***** Provided information
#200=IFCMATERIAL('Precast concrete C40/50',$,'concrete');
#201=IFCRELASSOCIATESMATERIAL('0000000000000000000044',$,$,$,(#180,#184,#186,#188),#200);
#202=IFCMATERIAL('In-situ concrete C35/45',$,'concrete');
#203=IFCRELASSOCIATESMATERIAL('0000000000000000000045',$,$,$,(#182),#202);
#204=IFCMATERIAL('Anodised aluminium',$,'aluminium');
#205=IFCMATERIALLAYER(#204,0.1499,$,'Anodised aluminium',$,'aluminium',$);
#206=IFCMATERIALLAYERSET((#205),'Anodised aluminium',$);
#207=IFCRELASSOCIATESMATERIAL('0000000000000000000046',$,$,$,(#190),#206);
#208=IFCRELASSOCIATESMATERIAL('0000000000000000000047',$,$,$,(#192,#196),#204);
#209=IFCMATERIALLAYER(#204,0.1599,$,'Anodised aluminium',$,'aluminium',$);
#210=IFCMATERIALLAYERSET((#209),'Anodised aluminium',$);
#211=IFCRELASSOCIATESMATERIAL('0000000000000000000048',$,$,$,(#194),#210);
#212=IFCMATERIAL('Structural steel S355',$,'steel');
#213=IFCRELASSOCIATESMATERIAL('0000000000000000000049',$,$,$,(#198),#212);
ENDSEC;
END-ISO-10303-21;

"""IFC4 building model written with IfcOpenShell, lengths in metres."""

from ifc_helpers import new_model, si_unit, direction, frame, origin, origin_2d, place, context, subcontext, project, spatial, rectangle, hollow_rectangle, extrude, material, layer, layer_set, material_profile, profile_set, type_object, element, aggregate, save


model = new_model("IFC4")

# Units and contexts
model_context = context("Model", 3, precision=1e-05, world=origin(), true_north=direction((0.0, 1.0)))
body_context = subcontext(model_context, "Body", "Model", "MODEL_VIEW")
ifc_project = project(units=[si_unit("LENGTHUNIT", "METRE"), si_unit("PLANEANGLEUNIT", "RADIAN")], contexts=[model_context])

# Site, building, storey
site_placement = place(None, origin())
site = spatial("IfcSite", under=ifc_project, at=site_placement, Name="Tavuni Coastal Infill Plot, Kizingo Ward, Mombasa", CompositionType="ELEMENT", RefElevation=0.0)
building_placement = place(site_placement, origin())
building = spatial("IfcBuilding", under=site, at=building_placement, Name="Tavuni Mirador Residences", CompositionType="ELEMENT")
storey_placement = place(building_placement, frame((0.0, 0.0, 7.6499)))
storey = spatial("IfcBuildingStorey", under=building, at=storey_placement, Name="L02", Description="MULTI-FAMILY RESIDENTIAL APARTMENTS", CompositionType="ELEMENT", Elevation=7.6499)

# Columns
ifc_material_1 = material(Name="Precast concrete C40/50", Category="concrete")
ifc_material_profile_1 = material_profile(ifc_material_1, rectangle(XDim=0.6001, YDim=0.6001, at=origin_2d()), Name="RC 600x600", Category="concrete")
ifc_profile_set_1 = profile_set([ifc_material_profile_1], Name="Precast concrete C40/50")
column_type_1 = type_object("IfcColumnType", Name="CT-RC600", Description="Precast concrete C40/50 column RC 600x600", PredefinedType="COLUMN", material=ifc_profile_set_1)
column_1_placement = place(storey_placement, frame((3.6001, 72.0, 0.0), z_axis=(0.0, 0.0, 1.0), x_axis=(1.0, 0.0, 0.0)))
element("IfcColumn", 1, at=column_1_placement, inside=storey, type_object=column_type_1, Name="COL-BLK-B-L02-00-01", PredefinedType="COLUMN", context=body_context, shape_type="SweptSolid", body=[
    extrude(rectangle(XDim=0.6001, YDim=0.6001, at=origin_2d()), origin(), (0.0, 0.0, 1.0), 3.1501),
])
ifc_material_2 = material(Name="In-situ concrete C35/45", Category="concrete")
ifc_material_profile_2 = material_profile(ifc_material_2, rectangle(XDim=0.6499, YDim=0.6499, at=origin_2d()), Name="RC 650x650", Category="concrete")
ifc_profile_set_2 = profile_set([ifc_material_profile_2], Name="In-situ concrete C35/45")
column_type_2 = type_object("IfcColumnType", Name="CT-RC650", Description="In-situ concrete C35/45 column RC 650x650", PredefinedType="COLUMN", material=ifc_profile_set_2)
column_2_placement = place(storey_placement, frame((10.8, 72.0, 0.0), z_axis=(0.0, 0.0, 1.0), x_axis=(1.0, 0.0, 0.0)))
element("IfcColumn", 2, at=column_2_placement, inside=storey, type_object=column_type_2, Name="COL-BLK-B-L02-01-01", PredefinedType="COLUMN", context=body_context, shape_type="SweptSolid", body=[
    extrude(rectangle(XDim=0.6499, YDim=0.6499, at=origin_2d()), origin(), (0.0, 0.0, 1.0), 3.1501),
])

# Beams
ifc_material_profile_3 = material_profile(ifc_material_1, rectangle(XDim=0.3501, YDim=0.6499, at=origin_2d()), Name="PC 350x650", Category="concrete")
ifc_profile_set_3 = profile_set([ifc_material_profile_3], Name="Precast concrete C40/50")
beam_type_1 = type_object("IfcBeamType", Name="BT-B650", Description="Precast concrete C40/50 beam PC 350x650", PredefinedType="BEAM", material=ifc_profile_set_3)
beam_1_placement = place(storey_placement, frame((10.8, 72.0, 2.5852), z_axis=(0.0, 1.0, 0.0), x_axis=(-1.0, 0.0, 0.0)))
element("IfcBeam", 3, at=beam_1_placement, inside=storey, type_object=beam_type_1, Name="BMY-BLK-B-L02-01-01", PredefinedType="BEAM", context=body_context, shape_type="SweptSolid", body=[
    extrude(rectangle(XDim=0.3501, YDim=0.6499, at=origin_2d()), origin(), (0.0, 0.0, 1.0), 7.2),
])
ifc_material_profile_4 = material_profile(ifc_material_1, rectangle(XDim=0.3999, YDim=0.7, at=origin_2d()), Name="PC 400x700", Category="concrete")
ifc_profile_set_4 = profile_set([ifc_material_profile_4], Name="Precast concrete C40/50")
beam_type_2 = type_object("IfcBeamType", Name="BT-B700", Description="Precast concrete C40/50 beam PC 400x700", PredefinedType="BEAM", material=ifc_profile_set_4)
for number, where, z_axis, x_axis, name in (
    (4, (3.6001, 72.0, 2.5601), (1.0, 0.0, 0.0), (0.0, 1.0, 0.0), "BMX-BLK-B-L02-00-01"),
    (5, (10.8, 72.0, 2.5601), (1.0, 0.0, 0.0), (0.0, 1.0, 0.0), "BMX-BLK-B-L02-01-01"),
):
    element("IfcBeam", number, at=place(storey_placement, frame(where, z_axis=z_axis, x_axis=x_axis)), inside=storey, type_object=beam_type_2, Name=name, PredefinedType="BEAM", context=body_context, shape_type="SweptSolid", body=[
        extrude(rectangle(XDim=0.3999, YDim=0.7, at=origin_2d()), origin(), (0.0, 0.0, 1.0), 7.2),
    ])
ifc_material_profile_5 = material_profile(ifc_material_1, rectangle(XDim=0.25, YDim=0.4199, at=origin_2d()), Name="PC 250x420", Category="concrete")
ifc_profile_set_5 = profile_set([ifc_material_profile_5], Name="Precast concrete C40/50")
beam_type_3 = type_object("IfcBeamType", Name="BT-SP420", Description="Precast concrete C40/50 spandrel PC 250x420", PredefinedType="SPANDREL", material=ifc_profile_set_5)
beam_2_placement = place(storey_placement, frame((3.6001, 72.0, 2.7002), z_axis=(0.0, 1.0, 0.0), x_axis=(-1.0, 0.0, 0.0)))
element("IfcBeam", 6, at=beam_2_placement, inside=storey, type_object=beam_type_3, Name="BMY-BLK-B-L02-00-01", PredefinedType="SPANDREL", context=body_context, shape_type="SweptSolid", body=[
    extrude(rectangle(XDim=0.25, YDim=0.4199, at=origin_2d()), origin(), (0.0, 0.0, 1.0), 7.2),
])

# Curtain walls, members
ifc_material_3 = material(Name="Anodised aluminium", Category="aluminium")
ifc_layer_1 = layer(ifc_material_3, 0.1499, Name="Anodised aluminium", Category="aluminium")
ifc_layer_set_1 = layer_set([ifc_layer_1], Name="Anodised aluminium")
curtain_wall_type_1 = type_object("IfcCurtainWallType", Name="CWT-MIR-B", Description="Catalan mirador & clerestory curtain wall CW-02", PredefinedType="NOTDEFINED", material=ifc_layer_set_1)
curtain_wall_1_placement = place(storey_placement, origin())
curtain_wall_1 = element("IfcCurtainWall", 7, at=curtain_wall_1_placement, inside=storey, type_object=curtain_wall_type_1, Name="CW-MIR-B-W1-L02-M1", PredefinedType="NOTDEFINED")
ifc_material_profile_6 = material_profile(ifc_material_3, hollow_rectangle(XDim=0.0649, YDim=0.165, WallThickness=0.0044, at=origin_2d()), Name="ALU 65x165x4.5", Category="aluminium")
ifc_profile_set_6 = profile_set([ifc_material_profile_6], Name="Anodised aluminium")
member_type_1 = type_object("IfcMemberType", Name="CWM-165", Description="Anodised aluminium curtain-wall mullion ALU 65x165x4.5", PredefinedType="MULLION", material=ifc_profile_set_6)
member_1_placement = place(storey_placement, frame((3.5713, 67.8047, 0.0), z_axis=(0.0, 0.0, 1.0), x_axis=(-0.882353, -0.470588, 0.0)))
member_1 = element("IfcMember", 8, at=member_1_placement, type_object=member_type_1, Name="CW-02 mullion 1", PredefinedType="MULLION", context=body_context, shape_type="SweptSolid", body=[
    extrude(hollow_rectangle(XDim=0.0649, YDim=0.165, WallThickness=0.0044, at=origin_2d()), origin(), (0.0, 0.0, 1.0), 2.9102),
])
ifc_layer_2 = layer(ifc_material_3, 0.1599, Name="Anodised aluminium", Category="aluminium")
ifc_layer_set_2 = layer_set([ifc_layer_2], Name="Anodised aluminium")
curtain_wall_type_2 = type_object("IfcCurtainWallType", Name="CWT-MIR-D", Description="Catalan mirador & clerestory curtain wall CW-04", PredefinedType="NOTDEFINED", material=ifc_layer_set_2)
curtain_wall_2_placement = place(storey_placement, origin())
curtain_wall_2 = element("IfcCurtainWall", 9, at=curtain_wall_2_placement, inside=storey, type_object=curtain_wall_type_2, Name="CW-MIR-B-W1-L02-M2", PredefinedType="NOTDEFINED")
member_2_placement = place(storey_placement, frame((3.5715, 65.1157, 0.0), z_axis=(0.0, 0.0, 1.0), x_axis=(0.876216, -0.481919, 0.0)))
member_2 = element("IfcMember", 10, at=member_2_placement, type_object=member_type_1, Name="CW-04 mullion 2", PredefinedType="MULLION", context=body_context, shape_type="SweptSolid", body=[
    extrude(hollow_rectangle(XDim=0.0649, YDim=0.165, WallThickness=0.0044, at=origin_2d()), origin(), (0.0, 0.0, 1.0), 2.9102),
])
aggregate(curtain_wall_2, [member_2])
**********
» **Your goal**:
Give the count of lines in the data shown above that contain "number", and nothing else.

» **Output for this task**:
2